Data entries
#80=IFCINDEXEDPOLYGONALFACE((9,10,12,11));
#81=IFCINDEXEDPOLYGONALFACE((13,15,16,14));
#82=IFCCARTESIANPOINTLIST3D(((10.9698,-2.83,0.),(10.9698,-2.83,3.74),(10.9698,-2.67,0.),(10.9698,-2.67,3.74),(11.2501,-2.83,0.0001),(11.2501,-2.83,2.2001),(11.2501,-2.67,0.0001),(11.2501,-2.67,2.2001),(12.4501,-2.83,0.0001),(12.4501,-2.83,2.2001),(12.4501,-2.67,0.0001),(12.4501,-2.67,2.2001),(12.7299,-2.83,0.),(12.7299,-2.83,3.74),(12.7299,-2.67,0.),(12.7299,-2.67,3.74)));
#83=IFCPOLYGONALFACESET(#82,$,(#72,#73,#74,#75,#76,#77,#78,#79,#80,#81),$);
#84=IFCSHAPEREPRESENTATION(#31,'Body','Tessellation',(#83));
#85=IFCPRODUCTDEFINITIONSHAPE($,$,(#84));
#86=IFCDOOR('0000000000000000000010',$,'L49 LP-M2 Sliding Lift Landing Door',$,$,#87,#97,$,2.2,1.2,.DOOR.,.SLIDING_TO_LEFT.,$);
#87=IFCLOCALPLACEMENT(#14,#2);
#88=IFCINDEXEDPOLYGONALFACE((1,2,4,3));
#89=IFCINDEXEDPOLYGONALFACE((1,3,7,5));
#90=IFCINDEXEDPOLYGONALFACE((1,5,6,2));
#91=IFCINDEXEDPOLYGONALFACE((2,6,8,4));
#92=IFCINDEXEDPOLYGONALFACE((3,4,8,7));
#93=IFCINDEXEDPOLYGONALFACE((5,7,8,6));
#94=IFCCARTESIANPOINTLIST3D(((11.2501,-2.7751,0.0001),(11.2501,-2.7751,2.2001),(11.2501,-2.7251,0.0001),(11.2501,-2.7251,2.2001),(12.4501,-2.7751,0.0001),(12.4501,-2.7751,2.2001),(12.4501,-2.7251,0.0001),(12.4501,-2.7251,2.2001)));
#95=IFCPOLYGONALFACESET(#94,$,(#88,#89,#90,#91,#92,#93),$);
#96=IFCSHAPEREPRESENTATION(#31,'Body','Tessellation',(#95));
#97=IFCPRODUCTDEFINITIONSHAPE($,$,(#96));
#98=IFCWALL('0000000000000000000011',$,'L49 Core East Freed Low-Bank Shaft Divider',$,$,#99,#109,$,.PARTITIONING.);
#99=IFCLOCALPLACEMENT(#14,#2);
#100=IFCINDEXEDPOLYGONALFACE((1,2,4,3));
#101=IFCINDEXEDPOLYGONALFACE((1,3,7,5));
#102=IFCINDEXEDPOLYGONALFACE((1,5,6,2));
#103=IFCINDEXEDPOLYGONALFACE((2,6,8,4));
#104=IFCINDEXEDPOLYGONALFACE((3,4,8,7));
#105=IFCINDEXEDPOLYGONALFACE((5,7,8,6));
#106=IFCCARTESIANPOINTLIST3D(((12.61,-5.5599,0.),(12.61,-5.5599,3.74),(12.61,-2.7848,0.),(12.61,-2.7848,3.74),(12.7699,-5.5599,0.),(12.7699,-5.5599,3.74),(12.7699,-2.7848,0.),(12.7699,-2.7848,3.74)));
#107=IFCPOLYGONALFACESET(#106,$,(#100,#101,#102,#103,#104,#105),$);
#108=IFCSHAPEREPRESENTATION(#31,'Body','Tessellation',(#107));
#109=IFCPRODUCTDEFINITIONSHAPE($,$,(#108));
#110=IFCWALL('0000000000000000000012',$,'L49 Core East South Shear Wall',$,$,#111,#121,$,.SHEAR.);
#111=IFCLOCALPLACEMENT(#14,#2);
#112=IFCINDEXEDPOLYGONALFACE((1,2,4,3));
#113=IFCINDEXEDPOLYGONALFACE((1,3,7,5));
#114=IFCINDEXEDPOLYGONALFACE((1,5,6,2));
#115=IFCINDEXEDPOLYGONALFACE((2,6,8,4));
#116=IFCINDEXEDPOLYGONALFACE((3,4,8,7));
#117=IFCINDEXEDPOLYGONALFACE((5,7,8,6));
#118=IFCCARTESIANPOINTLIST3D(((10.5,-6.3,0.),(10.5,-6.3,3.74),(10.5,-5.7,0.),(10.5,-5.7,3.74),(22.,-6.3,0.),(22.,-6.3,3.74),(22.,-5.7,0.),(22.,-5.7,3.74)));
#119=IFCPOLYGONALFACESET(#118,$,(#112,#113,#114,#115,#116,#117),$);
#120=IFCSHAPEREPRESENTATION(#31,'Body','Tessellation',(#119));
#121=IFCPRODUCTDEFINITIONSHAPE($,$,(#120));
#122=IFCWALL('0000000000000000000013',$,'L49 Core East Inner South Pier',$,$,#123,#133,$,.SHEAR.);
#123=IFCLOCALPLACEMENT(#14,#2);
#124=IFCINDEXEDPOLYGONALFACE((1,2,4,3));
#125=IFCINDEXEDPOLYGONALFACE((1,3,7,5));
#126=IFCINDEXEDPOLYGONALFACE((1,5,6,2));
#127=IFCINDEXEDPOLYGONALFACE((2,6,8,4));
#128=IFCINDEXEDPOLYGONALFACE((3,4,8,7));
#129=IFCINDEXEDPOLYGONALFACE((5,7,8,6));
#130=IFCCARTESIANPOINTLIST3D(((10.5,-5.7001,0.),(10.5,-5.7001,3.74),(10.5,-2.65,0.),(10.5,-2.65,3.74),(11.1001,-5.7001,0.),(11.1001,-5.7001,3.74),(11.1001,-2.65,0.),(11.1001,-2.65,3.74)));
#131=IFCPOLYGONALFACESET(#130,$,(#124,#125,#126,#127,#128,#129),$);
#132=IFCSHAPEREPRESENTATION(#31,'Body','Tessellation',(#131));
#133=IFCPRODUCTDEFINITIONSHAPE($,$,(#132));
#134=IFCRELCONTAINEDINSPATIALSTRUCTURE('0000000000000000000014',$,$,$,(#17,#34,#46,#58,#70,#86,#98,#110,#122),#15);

Task prompt
What's wanted is each line above, transcribed with nothing altered.

Worked solution
#80=IFCINDEXEDPOLYGONALFACE((9,10,12,11));
#81=IFCINDEXEDPOLYGONALFACE((13,15,16,14));
#82=IFCCARTESIANPOINTLIST3D(((10.9698,-2.83,0.),(10.9698,-2.83,3.74),(10.9698,-2.67,0.),(10.9698,-2.67,3.74),(11.2501,-2.83,0.0001),(11.2501,-2.83,2.2001),(11.2501,-2.67,0.0001),(11.2501,-2.67,2.2001),(12.4501,-2.83,0.0001),(12.4501,-2.83,2.2001),(12.4501,-2.67,0.0001),(12.4501,-2.67,2.2001),(12.7299,-2.83,0.),(12.7299,-2.83,3.74),(12.7299,-2.67,0.),(12.7299,-2.67,3.74)));
#83=IFCPOLYGONALFACESET(#82,$,(#72,#73,#74,#75,#76,#77,#78,#79,#80,#81),$);
#84=IFCSHAPEREPRESENTATION(#31,'Body','Tessellation',(#83));
#85=IFCPRODUCTDEFINITIONSHAPE($,$,(#84));
#86=IFCDOOR('0000000000000000000010',$,'L49 LP-M2 Sliding Lift Landing Door',$,$,#87,#97,$,2.2,1.2,.DOOR.,.SLIDING_TO_LEFT.,$);
#87=IFCLOCALPLACEMENT(#14,#2);
#88=IFCINDEXEDPOLYGONALFACE((1,2,4,3));
#89=IFCINDEXEDPOLYGONALFACE((1,3,7,5));
#90=IFCINDEXEDPOLYGONALFACE((1,5,6,2));
#91=IFCINDEXEDPOLYGONALFACE((2,6,8,4));
#92=IFCINDEXEDPOLYGONALFACE((3,4,8,7));
#93=IFCINDEXEDPOLYGONALFACE((5,7,8,6));
#94=IFCCARTESIANPOINTLIST3D(((11.2501,-2.7751,0.0001),(11.2501,-2.7751,2.2001),(11.2501,-2.7251,0.0001),(11.2501,-2.7251,2.2001),(12.4501,-2.7751,0.0001),(12.4501,-2.7751,2.2001),(12.4501,-2.7251,0.0001),(12.4501,-2.7251,2.2001)));
#95=IFCPOLYGONALFACESET(#94,$,(#88,#89,#90,#91,#92,#93),$);
#96=IFCSHAPEREPRESENTATION(#31,'Body','Tessellation',(#95));
#97=IFCPRODUCTDEFINITIONSHAPE($,$,(#96));
#98=IFCWALL('0000000000000000000011',$,'L49 Core East Freed Low-Bank Shaft Divider',$,$,#99,#109,$,.PARTITIONING.);
#99=IFCLOCALPLACEMENT(#14,#2);
#100=IFCINDEXEDPOLYGONALFACE((1,2,4,3));
#101=IFCINDEXEDPOLYGONALFACE((1,3,7,5));
#102=IFCINDEXEDPOLYGONALFACE((1,5,6,2));
#103=IFCINDEXEDPOLYGONALFACE((2,6,8,4));
#104=IFCINDEXEDPOLYGONALFACE((3,4,8,7));
#105=IFCINDEXEDPOLYGONALFACE((5,7,8,6));
#106=IFCCARTESIANPOINTLIST3D(((12.61,-5.5599,0.),(12.61,-5.5599,3.74),(12.61,-2.7848,0.),(12.61,-2.7848,3.74),(12.7699,-5.5599,0.),(12.7699,-5.5599,3.74),(12.7699,-2.7848,0.),(12.7699,-2.7848,3.74)));
#107=IFCPOLYGONALFACESET(#106,$,(#100,#101,#102,#103,#104,#105),$);
#108=IFCSHAPEREPRESENTATION(#31,'Body','Tessellation',(#107));
#109=IFCPRODUCTDEFINITIONSHAPE($,$,(#108));
#110=IFCWALL('0000000000000000000012',$,'L49 Core East South Shear Wall',$,$,#111,#121,$,.SHEAR.);
#111=IFCLOCALPLACEMENT(#14,#2);
#112=IFCINDEXEDPOLYGONALFACE((1,2,4,3));
#113=IFCINDEXEDPOLYGONALFACE((1,3,7,5));
#114=IFCINDEXEDPOLYGONALFACE((1,5,6,2));
#115=IFCINDEXEDPOLYGONALFACE((2,6,8,4));
#116=IFCINDEXEDPOLYGONALFACE((3,4,8,7));
#117=IFCINDEXEDPOLYGONALFACE((5,7,8,6));
#118=IFCCARTESIANPOINTLIST3D(((10.5,-6.3,0.),(10.5,-6.3,3.74),(10.5,-5.7,0.),(10.5,-5.7,3.74),(22.,-6.3,0.),(22.,-6.3,3.74),(22.,-5.7,0.),(22.,-5.7,3.74)));
#119=IFCPOLYGONALFACESET(#118,$,(#112,#113,#114,#115,#116,#117),$);
#120=IFCSHAPEREPRESENTATION(#31,'Body','Tessellation',(#119));
#121=IFCPRODUCTDEFINITIONSHAPE($,$,(#120));
#122=IFCWALL('0000000000000000000013',$,'L49 Core East Inner South Pier',$,$,#123,#133,$,.SHEAR.);
#123=IFCLOCALPLACEMENT(#14,#2);
#124=IFCINDEXEDPOLYGONALFACE((1,2,4,3));
#125=IFCINDEXEDPOLYGONALFACE((1,3,7,5));
#126=IFCINDEXEDPOLYGONALFACE((1,5,6,2));
#127=IFCINDEXEDPOLYGONALFACE((2,6,8,4));
#128=IFCINDEXEDPOLYGONALFACE((3,4,8,7));
#129=IFCINDEXEDPOLYGONALFACE((5,7,8,6));
#130=IFCCARTESIANPOINTLIST3D(((10.5,-5.7001,0.),(10.5,-5.7001,3.74),(10.5,-2.65,0.),(10.5,-2.65,3.74),(11.1001,-5.7001,0.),(11.1001,-5.7001,3.74),(11.1001,-2.65,0.),(11.1001,-2.65,3.74)));
#131=IFCPOLYGONALFACESET(#130,$,(#124,#125,#126,#127,#128,#129),$);
#132=IFCSHAPEREPRESENTATION(#31,'Body','Tessellation',(#131));
#133=IFCPRODUCTDEFINITIONSHAPE($,$,(#132));
#134=IFCRELCONTAINEDINSPATIALSTRUCTURE('0000000000000000000014',$,$,$,(#17,#34,#46,#58,#70,#86,#98,#110,#122),#15);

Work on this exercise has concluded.